**Assigned task**
Figure out the number of lines in the entries that hold the string "PredefinedType", then give that number and nothing else.

**Items from a dataset**
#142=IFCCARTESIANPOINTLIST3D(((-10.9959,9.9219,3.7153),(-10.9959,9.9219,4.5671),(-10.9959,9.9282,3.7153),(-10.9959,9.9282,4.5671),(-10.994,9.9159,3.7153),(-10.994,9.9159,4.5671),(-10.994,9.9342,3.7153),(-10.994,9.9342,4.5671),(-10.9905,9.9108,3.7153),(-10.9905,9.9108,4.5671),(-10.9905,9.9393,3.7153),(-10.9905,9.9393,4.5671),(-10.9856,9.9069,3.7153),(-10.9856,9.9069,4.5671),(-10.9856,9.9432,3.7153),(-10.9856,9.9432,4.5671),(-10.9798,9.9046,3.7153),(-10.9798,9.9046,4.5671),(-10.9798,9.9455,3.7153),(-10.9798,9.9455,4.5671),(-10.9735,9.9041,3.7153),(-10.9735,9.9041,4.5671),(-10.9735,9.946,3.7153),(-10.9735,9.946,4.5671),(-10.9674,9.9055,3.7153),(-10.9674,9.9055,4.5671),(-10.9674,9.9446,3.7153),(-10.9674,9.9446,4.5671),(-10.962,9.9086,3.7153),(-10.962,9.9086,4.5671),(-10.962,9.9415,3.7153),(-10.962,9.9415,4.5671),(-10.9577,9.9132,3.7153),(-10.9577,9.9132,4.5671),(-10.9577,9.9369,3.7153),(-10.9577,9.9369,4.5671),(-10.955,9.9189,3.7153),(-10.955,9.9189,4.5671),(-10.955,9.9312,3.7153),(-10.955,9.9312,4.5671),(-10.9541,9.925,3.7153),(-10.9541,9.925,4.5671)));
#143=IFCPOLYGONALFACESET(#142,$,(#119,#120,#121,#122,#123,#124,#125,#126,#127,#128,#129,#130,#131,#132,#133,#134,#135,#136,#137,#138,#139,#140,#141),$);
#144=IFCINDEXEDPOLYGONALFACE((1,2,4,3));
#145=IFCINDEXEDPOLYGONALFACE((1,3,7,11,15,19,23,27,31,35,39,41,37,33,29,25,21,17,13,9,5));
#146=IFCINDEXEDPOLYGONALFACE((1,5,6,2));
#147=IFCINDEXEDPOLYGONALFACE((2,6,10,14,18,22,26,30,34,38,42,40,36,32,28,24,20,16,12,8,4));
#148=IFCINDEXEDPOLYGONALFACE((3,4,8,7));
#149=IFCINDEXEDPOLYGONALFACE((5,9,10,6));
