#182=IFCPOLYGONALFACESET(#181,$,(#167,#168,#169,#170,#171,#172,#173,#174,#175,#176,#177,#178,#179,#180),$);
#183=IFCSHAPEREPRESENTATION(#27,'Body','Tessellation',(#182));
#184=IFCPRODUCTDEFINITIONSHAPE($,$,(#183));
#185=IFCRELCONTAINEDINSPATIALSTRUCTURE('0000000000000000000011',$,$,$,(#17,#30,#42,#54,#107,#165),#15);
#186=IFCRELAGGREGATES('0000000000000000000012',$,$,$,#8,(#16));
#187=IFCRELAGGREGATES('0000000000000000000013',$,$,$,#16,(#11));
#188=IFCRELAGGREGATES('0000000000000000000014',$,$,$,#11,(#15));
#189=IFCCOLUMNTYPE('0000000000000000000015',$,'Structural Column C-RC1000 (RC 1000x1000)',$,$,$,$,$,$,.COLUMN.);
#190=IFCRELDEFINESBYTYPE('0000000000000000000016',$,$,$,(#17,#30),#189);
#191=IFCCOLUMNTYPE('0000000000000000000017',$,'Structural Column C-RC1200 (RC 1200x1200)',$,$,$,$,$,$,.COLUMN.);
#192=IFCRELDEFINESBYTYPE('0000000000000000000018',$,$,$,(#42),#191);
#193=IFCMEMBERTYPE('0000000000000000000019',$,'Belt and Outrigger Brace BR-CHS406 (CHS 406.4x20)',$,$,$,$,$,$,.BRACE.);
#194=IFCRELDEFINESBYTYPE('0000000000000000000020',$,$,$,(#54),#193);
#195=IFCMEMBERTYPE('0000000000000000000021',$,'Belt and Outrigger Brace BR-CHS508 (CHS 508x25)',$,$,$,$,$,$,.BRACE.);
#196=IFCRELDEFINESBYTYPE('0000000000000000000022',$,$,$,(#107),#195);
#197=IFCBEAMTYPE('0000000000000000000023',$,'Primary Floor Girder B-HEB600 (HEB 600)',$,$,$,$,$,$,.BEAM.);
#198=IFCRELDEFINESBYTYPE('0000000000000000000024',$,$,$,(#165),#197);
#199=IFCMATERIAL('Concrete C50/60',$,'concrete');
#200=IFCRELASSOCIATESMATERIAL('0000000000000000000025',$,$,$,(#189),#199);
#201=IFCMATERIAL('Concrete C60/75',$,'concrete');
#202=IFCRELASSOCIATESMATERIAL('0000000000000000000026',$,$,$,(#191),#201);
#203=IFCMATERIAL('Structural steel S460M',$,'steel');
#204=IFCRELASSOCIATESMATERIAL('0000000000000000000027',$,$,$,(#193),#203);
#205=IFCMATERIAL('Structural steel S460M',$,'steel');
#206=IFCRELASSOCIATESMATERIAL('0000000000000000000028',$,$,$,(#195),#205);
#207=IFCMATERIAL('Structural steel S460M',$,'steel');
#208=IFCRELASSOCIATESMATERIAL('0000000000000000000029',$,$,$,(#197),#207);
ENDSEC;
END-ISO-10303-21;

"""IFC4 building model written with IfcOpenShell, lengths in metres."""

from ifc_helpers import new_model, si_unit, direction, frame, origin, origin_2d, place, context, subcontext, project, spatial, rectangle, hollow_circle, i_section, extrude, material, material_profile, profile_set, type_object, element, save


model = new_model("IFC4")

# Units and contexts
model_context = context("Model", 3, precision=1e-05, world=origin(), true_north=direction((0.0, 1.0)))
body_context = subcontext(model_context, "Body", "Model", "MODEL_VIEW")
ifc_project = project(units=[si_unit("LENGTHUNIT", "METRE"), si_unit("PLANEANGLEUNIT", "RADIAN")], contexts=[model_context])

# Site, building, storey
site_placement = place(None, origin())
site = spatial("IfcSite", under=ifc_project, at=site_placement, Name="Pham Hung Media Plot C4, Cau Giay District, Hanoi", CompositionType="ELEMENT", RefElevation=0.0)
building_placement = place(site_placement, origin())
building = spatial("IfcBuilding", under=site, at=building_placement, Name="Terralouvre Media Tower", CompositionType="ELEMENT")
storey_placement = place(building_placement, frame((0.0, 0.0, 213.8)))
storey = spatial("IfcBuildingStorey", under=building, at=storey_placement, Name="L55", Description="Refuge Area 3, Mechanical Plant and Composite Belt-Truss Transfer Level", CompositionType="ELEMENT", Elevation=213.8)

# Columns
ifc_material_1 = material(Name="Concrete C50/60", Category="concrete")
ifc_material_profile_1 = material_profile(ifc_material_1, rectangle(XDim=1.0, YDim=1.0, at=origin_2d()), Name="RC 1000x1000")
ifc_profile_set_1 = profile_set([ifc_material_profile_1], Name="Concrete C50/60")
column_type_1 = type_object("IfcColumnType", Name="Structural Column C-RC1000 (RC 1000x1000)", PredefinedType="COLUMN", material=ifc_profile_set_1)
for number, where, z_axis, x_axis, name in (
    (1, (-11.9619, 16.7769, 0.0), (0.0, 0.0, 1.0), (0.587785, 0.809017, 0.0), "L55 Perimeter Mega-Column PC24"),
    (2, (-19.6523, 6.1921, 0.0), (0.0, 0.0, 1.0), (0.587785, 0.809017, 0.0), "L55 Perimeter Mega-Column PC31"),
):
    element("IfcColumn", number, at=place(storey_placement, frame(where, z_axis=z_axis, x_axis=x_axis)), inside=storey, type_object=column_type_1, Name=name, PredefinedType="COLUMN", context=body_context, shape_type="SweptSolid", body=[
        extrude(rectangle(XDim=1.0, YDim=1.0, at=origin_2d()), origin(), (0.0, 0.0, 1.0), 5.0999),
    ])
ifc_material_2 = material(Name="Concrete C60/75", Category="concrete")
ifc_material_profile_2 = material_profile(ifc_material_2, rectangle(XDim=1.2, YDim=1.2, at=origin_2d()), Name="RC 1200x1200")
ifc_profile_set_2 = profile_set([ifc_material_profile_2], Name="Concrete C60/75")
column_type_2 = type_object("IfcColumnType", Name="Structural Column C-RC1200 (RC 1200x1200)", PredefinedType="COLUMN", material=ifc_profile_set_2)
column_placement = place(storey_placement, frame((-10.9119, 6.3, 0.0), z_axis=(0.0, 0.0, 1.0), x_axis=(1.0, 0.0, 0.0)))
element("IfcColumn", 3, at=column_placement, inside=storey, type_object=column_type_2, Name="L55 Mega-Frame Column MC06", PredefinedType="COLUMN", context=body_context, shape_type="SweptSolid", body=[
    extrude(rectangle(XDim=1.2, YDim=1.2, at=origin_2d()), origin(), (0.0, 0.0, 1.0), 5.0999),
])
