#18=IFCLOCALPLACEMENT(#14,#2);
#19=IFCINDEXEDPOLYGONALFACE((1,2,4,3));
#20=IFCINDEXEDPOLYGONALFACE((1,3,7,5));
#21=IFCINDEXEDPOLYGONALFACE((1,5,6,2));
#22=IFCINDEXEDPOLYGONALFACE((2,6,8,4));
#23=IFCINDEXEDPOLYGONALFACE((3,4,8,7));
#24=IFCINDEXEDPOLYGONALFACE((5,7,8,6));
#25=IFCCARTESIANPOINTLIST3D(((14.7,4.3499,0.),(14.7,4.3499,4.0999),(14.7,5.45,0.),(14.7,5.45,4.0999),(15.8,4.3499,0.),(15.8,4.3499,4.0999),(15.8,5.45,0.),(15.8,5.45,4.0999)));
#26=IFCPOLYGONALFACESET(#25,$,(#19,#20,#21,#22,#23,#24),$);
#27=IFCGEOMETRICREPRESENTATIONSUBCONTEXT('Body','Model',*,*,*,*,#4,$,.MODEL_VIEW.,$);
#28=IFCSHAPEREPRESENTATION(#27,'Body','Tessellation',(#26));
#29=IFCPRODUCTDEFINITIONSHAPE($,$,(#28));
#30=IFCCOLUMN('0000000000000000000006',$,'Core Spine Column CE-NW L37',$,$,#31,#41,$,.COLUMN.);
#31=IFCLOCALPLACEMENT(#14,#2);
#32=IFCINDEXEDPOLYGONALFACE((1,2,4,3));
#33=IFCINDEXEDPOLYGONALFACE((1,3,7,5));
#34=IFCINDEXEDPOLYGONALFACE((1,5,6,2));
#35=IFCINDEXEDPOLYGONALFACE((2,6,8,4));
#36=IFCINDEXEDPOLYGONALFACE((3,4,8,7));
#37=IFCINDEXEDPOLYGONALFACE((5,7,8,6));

**Solution**
4